What needs to be done:
Could you print every record exactly as it stands?

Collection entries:
━━━━━━━━━━━━━━━━━━━━
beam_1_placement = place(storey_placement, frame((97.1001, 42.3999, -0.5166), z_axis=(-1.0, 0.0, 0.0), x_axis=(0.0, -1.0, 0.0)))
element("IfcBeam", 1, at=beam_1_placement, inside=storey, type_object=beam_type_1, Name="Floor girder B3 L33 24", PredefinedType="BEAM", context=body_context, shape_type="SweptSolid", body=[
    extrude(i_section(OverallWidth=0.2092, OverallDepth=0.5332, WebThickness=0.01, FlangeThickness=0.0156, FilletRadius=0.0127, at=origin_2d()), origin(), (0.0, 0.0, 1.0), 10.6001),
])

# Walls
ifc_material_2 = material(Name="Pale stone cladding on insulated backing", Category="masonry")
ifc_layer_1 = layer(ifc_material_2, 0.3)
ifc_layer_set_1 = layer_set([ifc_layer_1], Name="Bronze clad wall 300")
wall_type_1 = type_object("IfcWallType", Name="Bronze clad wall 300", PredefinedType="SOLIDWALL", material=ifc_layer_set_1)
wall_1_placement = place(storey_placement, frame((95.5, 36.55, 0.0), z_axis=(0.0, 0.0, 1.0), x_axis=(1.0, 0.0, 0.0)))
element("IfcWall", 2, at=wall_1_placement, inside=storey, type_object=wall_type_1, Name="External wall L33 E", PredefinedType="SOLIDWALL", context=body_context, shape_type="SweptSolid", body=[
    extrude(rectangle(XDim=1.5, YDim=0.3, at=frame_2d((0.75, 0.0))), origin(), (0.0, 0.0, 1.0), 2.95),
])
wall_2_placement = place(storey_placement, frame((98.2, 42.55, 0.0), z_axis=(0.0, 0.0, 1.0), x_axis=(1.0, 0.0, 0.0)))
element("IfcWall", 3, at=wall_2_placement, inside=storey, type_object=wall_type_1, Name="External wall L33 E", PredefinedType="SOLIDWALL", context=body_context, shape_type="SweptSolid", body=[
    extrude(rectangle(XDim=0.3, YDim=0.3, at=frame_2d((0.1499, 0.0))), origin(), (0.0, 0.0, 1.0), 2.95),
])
━━━━━━━━━━━━━━━━━━━━
Task solution:
beam_1_placement = place(storey_placement, frame((97.1001, 42.3999, -0.5166), z_axis=(-1.0, 0.0, 0.0), x_axis=(0.0, -1.0, 0.0)))
element("IfcBeam", 1, at=beam_1_placement, inside=storey, type_object=beam_type_1, Name="Floor girder B3 L33 24", PredefinedType="BEAM", context=body_context, shape_type="SweptSolid", body=[
    extrude(i_section(OverallWidth=0.2092, OverallDepth=0.5332, WebThickness=0.01, FlangeThickness=0.0156, FilletRadius=0.0127, at=origin_2d()), origin(), (0.0, 0.0, 1.0), 10.6001),
])

# Walls
ifc_material_2 = material(Name="Pale stone cladding on insulated backing", Category="masonry")
ifc_layer_1 = layer(ifc_material_2, 0.3)
ifc_layer_set_1 = layer_set([ifc_layer_1], Name="Bronze clad wall 300")
wall_type_1 = type_object("IfcWallType", Name="Bronze clad wall 300", PredefinedType="SOLIDWALL", material=ifc_layer_set_1)
wall_1_placement = place(storey_placement, frame((95.5, 36.55, 0.0), z_axis=(0.0, 0.0, 1.0), x_axis=(1.0, 0.0, 0.0)))
element("IfcWall", 2, at=wall_1_placement, inside=storey, type_object=wall_type_1, Name="External wall L33 E", PredefinedType="SOLIDWALL", context=body_context, shape_type="SweptSolid", body=[
    extrude(rectangle(XDim=1.5, YDim=0.3, at=frame_2d((0.75, 0.0))), origin(), (0.0, 0.0, 1.0), 2.95),
])
wall_2_placement = place(storey_placement, frame((98.2, 42.55, 0.0), z_axis=(0.0, 0.0, 1.0), x_axis=(1.0, 0.0, 0.0)))
element("IfcWall", 3, at=wall_2_placement, inside=storey, type_object=wall_type_1, Name="External wall L33 E", PredefinedType="SOLIDWALL", context=body_context, shape_type="SweptSolid", body=[
    extrude(rectangle(XDim=0.3, YDim=0.3, at=frame_2d((0.1499, 0.0))), origin(), (0.0, 0.0, 1.0), 2.95),
])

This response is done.